Start of Block

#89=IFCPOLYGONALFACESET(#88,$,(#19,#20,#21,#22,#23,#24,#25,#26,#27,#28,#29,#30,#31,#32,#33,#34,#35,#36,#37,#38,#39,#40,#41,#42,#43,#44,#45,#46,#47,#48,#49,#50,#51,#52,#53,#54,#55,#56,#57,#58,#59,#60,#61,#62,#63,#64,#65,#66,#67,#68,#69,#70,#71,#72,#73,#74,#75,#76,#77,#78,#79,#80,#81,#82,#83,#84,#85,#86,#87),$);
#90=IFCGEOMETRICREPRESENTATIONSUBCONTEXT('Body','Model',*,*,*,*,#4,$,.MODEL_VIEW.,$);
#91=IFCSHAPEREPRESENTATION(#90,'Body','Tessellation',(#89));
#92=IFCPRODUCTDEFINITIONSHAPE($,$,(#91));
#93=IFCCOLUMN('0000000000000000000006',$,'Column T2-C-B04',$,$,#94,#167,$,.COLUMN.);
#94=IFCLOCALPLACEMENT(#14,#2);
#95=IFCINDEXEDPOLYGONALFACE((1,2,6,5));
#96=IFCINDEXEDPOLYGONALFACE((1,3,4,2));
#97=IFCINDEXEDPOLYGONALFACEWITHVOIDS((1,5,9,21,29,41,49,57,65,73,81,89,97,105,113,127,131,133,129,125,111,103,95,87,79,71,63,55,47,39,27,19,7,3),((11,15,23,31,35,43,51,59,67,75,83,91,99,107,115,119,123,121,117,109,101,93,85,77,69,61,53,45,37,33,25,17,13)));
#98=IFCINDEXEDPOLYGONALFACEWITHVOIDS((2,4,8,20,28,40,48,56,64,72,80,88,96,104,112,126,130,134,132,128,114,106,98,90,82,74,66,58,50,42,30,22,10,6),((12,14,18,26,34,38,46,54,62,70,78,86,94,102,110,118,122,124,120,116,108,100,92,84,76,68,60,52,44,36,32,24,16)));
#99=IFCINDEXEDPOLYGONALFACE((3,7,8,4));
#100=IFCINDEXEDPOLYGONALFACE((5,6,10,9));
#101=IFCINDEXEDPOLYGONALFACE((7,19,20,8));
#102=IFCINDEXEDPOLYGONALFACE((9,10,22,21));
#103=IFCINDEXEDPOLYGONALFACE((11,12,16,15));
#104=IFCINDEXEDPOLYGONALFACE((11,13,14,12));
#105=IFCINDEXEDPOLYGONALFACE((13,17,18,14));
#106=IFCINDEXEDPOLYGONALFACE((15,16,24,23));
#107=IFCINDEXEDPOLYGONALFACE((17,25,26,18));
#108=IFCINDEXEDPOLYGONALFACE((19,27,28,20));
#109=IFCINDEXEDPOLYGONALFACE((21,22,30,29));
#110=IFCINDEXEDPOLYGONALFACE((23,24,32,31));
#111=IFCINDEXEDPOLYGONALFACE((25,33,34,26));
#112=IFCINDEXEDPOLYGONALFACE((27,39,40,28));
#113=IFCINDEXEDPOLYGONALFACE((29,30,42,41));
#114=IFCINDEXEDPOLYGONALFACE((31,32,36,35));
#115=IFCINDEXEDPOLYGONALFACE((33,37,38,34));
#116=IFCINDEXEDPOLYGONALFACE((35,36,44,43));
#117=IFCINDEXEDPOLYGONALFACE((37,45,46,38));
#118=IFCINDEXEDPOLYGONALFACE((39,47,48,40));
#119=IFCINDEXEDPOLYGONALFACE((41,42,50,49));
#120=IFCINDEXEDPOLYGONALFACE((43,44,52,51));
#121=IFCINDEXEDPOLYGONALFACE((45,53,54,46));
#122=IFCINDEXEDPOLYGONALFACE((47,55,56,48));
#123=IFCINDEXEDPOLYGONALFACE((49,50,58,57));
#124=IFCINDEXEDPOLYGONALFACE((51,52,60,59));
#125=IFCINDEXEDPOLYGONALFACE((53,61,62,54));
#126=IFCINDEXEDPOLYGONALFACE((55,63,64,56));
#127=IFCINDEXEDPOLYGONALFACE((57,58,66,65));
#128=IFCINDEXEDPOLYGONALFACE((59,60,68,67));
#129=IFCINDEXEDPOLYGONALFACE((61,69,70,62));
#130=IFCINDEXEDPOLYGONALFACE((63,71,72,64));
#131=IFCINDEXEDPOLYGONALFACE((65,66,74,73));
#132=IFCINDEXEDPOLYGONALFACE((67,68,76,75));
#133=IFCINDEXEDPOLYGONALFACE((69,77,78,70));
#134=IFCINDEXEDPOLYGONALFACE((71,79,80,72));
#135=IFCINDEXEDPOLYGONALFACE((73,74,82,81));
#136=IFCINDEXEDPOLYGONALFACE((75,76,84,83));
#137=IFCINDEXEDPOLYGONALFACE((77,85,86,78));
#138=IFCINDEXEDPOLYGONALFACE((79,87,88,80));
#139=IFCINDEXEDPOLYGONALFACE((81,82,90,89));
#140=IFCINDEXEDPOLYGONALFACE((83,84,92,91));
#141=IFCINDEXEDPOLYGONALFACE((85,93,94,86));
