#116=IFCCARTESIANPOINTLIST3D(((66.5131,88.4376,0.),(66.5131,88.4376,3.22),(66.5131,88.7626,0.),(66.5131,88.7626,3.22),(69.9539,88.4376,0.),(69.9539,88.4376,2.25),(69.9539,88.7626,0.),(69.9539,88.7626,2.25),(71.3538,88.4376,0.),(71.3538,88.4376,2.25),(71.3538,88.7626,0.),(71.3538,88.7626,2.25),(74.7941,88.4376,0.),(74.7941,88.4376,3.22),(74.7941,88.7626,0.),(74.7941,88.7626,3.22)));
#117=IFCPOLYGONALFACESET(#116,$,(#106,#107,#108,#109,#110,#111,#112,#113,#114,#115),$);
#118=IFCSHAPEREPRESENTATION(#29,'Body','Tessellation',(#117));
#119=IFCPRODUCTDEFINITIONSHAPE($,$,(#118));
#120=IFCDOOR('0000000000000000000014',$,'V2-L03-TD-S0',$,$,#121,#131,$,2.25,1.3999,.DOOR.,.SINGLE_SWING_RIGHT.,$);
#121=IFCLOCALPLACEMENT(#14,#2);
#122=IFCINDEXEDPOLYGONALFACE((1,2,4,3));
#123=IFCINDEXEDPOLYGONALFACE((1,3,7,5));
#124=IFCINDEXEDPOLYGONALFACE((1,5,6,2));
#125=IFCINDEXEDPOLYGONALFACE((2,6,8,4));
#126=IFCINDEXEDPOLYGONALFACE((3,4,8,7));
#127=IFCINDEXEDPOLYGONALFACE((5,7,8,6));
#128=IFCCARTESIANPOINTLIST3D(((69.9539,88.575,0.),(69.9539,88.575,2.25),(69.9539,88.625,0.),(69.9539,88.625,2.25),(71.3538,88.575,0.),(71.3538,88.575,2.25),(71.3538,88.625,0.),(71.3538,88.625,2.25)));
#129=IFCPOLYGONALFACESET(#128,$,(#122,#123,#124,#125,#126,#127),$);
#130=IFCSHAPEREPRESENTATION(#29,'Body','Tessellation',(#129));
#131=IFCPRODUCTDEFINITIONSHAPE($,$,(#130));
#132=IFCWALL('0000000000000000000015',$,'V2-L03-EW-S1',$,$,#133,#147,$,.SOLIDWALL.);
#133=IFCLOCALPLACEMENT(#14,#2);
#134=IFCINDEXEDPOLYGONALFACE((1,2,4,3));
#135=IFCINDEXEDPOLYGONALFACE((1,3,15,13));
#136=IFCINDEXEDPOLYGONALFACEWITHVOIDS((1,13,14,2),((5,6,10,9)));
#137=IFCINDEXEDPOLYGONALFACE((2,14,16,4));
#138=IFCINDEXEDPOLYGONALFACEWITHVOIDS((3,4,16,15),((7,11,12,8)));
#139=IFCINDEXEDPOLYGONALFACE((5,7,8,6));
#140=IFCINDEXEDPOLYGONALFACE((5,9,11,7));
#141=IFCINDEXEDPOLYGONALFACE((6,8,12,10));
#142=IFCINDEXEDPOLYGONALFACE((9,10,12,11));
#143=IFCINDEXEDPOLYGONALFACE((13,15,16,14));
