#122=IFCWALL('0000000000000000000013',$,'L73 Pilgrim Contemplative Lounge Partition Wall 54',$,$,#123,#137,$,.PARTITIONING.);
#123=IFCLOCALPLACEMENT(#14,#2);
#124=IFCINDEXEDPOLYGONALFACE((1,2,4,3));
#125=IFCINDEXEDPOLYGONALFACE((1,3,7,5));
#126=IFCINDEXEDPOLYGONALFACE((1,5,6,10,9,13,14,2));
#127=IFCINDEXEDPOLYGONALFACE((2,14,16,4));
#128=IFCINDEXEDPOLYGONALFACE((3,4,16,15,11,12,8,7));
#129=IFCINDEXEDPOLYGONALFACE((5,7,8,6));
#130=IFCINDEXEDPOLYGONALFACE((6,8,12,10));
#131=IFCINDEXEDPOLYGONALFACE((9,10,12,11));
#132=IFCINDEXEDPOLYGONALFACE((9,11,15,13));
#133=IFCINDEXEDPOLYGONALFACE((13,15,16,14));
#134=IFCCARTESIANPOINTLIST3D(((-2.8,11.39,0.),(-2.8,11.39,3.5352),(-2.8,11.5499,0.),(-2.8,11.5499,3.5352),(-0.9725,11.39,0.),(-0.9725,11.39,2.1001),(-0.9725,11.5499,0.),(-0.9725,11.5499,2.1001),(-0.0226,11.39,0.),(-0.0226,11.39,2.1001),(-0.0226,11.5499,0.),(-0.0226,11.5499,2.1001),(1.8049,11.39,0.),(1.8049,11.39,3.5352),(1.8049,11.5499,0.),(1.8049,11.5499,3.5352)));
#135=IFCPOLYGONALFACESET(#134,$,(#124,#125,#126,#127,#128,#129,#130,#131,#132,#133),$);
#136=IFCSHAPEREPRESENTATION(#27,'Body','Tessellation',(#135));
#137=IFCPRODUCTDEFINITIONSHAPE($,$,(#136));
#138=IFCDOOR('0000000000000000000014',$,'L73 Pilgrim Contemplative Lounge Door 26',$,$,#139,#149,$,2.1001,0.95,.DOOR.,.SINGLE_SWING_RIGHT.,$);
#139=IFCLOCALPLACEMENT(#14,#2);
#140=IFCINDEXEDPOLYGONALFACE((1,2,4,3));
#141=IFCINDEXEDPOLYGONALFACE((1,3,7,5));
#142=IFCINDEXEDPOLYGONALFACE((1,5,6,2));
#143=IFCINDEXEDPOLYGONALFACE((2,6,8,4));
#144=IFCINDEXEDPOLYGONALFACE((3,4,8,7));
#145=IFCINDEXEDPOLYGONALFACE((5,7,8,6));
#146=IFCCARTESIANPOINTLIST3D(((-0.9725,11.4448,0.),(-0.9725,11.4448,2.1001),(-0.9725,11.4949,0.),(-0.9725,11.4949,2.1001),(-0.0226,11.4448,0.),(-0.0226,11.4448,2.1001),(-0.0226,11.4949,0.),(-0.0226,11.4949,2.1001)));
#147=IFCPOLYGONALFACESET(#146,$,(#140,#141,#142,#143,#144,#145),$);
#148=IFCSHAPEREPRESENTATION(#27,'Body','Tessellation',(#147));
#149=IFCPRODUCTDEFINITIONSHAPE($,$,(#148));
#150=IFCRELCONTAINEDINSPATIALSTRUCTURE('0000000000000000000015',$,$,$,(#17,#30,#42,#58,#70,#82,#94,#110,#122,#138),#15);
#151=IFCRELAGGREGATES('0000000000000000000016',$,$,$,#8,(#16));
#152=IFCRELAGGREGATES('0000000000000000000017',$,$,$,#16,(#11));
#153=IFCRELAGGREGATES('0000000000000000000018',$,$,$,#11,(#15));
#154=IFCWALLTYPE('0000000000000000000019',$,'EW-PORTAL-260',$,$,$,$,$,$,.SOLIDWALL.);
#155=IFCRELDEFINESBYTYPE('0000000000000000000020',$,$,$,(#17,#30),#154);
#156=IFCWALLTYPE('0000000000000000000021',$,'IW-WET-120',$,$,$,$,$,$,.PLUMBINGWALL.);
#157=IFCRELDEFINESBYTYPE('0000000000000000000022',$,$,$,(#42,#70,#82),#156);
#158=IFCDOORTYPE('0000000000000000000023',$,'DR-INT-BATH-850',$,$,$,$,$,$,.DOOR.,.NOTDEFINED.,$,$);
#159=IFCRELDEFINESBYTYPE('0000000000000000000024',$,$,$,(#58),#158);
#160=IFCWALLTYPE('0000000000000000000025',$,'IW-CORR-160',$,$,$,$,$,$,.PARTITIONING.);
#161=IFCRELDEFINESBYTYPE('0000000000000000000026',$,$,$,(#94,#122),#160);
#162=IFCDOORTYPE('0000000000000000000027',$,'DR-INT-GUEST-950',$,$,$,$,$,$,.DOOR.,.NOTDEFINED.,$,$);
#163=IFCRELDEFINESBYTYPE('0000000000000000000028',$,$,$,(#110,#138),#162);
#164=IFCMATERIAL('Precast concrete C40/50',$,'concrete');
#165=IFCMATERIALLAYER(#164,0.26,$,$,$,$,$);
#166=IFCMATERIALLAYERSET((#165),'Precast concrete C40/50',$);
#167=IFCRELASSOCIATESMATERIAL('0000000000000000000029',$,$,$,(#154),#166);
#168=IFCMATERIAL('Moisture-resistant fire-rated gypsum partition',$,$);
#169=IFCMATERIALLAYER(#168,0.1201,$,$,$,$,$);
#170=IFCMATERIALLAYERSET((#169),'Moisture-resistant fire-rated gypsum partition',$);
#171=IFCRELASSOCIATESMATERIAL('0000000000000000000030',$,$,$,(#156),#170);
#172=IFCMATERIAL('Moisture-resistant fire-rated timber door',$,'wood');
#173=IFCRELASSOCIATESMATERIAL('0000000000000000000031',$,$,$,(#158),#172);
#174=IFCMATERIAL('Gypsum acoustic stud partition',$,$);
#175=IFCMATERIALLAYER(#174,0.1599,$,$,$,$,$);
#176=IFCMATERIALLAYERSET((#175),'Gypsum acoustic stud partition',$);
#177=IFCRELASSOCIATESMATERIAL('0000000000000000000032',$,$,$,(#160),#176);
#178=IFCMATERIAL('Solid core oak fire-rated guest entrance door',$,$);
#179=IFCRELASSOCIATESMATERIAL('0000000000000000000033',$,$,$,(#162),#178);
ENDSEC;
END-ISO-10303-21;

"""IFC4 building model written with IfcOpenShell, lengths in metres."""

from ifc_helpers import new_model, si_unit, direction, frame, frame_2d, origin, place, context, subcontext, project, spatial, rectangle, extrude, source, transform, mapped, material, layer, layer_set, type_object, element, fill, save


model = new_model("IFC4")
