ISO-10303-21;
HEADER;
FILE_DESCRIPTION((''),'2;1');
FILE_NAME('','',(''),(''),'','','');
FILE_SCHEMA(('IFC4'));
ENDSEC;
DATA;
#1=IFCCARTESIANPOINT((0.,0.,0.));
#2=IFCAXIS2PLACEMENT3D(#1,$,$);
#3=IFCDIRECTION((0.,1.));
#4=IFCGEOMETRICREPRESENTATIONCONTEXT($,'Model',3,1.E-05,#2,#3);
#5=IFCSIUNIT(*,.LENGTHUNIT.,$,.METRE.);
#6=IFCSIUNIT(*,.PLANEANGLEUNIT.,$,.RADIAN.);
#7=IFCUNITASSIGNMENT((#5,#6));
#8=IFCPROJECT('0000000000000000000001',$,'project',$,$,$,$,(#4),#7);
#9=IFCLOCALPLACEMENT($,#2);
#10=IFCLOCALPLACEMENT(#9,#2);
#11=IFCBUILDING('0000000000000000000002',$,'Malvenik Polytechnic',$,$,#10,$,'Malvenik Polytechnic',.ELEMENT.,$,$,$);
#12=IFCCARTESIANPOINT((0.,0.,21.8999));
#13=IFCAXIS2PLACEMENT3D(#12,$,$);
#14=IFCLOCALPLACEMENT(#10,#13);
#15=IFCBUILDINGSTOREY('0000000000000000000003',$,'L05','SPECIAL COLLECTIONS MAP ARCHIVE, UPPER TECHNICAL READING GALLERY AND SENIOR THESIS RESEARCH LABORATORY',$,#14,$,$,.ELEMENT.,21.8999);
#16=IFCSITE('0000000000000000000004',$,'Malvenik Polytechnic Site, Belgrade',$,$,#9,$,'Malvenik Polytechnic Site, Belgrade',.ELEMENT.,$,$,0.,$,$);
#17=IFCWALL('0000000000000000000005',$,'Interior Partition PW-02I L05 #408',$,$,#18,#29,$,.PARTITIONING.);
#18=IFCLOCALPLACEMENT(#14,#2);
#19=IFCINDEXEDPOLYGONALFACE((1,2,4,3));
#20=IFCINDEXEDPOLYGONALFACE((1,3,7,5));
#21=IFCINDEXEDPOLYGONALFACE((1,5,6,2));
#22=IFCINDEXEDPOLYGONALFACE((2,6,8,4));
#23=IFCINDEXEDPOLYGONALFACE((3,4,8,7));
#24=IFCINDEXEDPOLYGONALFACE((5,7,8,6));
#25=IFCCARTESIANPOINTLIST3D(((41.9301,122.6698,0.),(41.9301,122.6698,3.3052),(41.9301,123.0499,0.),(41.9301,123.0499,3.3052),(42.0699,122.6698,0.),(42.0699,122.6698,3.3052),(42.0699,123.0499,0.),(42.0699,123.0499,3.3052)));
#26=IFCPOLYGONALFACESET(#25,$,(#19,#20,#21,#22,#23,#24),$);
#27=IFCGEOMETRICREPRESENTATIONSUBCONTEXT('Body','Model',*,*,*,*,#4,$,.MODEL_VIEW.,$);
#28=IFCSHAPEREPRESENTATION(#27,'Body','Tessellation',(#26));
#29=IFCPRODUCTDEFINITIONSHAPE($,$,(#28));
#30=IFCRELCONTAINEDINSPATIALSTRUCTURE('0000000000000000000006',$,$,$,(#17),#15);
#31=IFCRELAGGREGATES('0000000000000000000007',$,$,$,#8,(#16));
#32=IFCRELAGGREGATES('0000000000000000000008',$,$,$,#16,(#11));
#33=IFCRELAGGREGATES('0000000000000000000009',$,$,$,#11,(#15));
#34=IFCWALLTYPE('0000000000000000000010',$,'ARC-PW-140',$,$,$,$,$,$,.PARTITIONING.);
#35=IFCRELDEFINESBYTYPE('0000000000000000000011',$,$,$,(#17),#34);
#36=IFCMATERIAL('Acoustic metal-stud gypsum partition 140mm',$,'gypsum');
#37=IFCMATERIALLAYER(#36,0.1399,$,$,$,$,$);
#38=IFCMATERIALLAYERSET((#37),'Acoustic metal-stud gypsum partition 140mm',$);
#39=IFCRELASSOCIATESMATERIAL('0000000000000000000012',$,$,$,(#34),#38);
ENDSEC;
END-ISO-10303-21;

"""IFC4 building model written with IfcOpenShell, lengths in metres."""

from ifc_helpers import new_model, si_unit, direction, frame, frame_2d, origin, place, context, subcontext, project, spatial, rectangle, extrude, material, layer, layer_set, type_object, element, save


model = new_model("IFC4")

# Units and contexts
model_context = context("Model", 3, precision=1e-05, world=origin(), true_north=direction((0.0, 1.0)))
body_context = subcontext(model_context, "Body", "Model", "MODEL_VIEW")
ifc_project = project(units=[si_unit("LENGTHUNIT", "METRE"), si_unit("PLANEANGLEUNIT", "RADIAN")], contexts=[model_context])

# Site, building, storey
site_placement = place(None, origin())
site = spatial("IfcSite", under=ifc_project, at=site_placement, Name="Malvenik Polytechnic Site, Belgrade", LongName="Malvenik Polytechnic Site, Belgrade", CompositionType="ELEMENT", RefElevation=0.0)
building_placement = place(site_placement, origin())
building = spatial("IfcBuilding", under=site, at=building_placement, Name="Malvenik Polytechnic", LongName="Malvenik Polytechnic", CompositionType="ELEMENT")
storey_placement = place(building_placement, frame((0.0, 0.0, 21.8999)))
storey = spatial("IfcBuildingStorey", under=building, at=storey_placement, Name="L05", Description="SPECIAL COLLECTIONS MAP ARCHIVE, UPPER TECHNICAL READING GALLERY AND SENIOR THESIS RESEARCH LABORATORY", CompositionType="ELEMENT", Elevation=21.8999)

# Wall
ifc_material_1 = material(Name="Acoustic metal-stud gypsum partition 140mm", Category="gypsum")
ifc_layer_1 = layer(ifc_material_1, 0.1399)
ifc_layer_set_1 = layer_set([ifc_layer_1], Name="Acoustic metal-stud gypsum partition 140mm")
wall_type_1 = type_object("IfcWallType", Name="ARC-PW-140", PredefinedType="PARTITIONING", material=ifc_layer_set_1)
wall_1_placement = place(storey_placement, frame((42.0, 122.6699, 0.0), z_axis=(0.0, 0.0, 1.0), x_axis=(0.0, 1.0, 0.0)))
element("IfcWall", 1, at=wall_1_placement, inside=storey, type_object=wall_type_1, Name="Interior Partition PW-02I L05 #408", PredefinedType="PARTITIONING", context=body_context, shape_type="SweptSolid", body=[
    extrude(rectangle(XDim=0.3801, YDim=0.1399, at=frame_2d((0.1899, 0.0))), origin(), (0.0, 0.0, 1.0), 3.3052),
])

save(model, "model.ifc")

End of Block

● Assignment
Write down, word for word, the lines above from the one containing "#118=IFCSHAPEREPRESENTATION(#29,'Body','Tessellation',(#117));" through the one containing "#127=IFCINDEXEDPOLYGONALFACE((5,7,8,6));", both ends included.

● Your response
#118=IFCSHAPEREPRESENTATION(#29,'Body','Tessellation',(#117));
#119=IFCPRODUCTDEFINITIONSHAPE($,$,(#118));
#120=IFCDOOR('0000000000000000000014',$,'V2-L03-TD-S0',$,$,#121,#131,$,2.25,1.3999,.DOOR.,.SINGLE_SWING_RIGHT.,$);
#121=IFCLOCALPLACEMENT(#14,#2);
#122=IFCINDEXEDPOLYGONALFACE((1,2,4,3));
#123=IFCINDEXEDPOLYGONALFACE((1,3,7,5));
#124=IFCINDEXEDPOLYGONALFACE((1,5,6,2));
#125=IFCINDEXEDPOLYGONALFACE((2,6,8,4));
#126=IFCINDEXEDPOLYGONALFACE((3,4,8,7));
#127=IFCINDEXEDPOLYGONALFACE((5,7,8,6));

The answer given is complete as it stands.